= Data extract =
##########

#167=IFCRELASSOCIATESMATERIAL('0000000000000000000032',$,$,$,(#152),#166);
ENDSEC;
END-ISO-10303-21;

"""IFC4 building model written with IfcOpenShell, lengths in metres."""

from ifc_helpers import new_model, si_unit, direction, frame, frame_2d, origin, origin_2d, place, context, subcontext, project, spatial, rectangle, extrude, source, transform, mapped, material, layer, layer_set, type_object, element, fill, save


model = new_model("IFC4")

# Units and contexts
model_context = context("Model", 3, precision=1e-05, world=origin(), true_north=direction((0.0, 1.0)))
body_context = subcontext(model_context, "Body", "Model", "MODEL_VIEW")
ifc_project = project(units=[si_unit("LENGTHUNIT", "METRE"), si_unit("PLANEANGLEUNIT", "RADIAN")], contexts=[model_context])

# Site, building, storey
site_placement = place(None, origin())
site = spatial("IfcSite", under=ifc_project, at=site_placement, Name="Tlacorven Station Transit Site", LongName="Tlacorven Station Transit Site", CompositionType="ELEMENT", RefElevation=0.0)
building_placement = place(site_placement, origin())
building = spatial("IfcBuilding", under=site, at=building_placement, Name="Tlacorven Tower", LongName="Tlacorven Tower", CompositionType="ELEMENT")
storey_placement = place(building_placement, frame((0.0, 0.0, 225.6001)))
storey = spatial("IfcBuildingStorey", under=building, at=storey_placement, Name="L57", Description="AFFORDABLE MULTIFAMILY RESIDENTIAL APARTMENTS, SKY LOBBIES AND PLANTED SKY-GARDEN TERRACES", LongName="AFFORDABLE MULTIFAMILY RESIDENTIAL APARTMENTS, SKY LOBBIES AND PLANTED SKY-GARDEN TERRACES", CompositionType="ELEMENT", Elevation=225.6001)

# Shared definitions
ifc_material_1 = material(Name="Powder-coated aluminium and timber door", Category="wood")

##########

Write down again, exactly as given, only the lines above that fall from the line with "world=origin(), true_north=direction((0.0, 1.0)))" to the line with "frame((0.0, 0.0, 225.6001)))", inclusive.

= Problem solution =
model_context = context("Model", 3, precision=1e-05, world=origin(), true_north=direction((0.0, 1.0)))
body_context = subcontext(model_context, "Body", "Model", "MODEL_VIEW")
ifc_project = project(units=[si_unit("LENGTHUNIT", "METRE"), si_unit("PLANEANGLEUNIT", "RADIAN")], contexts=[model_context])

# Site, building, storey
site_placement = place(None, origin())
site = spatial("IfcSite", under=ifc_project, at=site_placement, Name="Tlacorven Station Transit Site", LongName="Tlacorven Station Transit Site", CompositionType="ELEMENT", RefElevation=0.0)
building_placement = place(site_placement, origin())
building = spatial("IfcBuilding", under=site, at=building_placement, Name="Tlacorven Tower", LongName="Tlacorven Tower", CompositionType="ELEMENT")
storey_placement = place(building_placement, frame((0.0, 0.0, 225.6001)))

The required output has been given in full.